[Exercise aim]: Look through the entries that follow and return each line that has the string "guid".

[Stored data]
============================================================

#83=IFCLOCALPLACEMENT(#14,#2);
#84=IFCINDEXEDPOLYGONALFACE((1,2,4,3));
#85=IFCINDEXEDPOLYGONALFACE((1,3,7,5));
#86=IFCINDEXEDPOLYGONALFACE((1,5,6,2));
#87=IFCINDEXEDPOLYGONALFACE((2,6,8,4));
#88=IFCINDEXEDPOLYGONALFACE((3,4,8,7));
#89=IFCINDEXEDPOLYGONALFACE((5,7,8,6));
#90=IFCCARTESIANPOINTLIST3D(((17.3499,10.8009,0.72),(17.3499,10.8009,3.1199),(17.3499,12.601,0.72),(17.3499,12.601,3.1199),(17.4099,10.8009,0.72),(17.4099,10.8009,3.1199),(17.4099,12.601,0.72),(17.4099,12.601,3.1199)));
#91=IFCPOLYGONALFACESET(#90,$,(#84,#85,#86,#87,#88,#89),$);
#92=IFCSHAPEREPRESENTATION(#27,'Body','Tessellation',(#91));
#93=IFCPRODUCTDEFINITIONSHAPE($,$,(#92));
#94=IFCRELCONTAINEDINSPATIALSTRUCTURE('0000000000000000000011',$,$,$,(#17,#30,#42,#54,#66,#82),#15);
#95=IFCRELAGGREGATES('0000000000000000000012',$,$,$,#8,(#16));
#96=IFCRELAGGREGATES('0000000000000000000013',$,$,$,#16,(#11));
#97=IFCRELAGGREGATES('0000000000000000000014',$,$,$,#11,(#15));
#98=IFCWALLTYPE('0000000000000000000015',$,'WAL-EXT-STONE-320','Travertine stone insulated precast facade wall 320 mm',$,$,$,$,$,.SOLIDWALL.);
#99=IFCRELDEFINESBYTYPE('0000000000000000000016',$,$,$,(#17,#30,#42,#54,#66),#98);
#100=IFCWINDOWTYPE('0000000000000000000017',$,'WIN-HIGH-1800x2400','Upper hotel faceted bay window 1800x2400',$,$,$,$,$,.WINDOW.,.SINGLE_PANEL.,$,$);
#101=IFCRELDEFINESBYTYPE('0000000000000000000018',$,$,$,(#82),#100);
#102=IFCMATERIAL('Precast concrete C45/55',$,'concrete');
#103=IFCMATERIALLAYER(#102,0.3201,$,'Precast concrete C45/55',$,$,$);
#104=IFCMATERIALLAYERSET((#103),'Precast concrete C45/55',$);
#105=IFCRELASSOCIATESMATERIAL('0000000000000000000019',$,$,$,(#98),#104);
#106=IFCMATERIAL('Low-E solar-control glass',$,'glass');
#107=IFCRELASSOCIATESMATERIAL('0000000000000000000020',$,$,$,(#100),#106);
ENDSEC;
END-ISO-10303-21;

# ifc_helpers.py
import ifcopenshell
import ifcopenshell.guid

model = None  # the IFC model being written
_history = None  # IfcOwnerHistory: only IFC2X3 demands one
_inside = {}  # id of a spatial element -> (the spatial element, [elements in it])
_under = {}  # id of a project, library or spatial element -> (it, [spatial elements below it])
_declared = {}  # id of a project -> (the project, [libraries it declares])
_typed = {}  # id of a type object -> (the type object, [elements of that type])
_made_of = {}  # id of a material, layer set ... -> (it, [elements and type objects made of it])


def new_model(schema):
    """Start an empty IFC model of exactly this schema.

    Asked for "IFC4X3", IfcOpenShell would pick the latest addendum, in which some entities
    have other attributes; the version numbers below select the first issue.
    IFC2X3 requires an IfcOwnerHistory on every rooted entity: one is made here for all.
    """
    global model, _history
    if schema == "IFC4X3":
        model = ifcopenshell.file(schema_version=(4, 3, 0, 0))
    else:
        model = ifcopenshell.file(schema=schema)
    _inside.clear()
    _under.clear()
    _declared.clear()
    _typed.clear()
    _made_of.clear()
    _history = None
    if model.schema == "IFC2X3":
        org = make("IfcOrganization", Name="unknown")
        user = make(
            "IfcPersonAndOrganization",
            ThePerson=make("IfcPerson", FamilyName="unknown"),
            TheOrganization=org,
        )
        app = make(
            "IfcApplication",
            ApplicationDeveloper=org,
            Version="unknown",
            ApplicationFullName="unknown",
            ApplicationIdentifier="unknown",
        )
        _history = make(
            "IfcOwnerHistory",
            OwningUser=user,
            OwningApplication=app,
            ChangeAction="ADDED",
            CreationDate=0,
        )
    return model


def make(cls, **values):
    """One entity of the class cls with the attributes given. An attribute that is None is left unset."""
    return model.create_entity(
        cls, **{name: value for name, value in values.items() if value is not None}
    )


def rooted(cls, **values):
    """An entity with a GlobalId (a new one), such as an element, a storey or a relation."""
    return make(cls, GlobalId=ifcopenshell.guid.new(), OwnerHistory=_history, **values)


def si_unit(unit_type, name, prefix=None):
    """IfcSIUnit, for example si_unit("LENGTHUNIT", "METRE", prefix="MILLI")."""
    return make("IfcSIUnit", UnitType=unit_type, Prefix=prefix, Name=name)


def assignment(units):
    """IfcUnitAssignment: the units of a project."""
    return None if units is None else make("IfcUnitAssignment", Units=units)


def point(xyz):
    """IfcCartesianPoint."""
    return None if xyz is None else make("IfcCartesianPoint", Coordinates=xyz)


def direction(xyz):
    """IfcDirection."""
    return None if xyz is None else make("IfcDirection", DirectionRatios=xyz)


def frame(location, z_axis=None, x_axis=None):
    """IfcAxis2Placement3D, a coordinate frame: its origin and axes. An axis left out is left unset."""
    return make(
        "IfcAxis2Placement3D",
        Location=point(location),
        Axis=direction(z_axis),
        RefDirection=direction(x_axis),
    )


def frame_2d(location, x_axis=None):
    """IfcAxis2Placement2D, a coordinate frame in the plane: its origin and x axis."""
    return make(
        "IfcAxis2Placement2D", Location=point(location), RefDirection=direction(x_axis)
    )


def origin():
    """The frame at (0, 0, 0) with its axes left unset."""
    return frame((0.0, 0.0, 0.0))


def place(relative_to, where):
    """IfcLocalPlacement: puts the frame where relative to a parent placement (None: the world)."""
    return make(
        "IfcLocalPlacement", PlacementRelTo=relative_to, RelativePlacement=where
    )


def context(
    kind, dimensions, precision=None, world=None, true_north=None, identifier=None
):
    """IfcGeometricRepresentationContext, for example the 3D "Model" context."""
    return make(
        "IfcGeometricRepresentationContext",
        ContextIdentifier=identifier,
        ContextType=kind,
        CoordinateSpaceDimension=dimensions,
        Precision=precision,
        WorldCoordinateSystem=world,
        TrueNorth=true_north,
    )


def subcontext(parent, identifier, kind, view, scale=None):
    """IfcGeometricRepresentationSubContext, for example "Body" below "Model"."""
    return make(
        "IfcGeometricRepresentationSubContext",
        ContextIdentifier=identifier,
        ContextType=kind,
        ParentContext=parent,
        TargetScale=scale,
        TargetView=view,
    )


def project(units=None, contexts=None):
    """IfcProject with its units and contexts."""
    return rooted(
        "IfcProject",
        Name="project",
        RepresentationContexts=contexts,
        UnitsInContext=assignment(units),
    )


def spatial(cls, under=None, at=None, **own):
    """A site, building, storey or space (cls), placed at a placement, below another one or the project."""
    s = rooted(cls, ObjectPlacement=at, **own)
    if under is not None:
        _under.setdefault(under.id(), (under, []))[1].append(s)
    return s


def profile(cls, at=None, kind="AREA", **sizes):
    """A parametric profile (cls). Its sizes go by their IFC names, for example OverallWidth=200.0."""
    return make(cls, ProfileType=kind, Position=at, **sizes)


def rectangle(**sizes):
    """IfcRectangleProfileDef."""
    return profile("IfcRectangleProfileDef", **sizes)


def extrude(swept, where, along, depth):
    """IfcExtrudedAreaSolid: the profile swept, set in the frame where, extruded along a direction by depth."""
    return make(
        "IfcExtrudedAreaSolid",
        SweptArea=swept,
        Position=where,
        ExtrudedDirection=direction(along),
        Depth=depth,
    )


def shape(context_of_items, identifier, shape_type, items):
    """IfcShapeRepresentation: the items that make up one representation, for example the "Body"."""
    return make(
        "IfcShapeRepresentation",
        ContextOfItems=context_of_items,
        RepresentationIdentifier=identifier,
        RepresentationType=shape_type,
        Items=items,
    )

============================================================

[Reply to the task]:
import ifcopenshell.guid
    return make(cls, GlobalId=ifcopenshell.guid.new(), OwnerHistory=_history, **values)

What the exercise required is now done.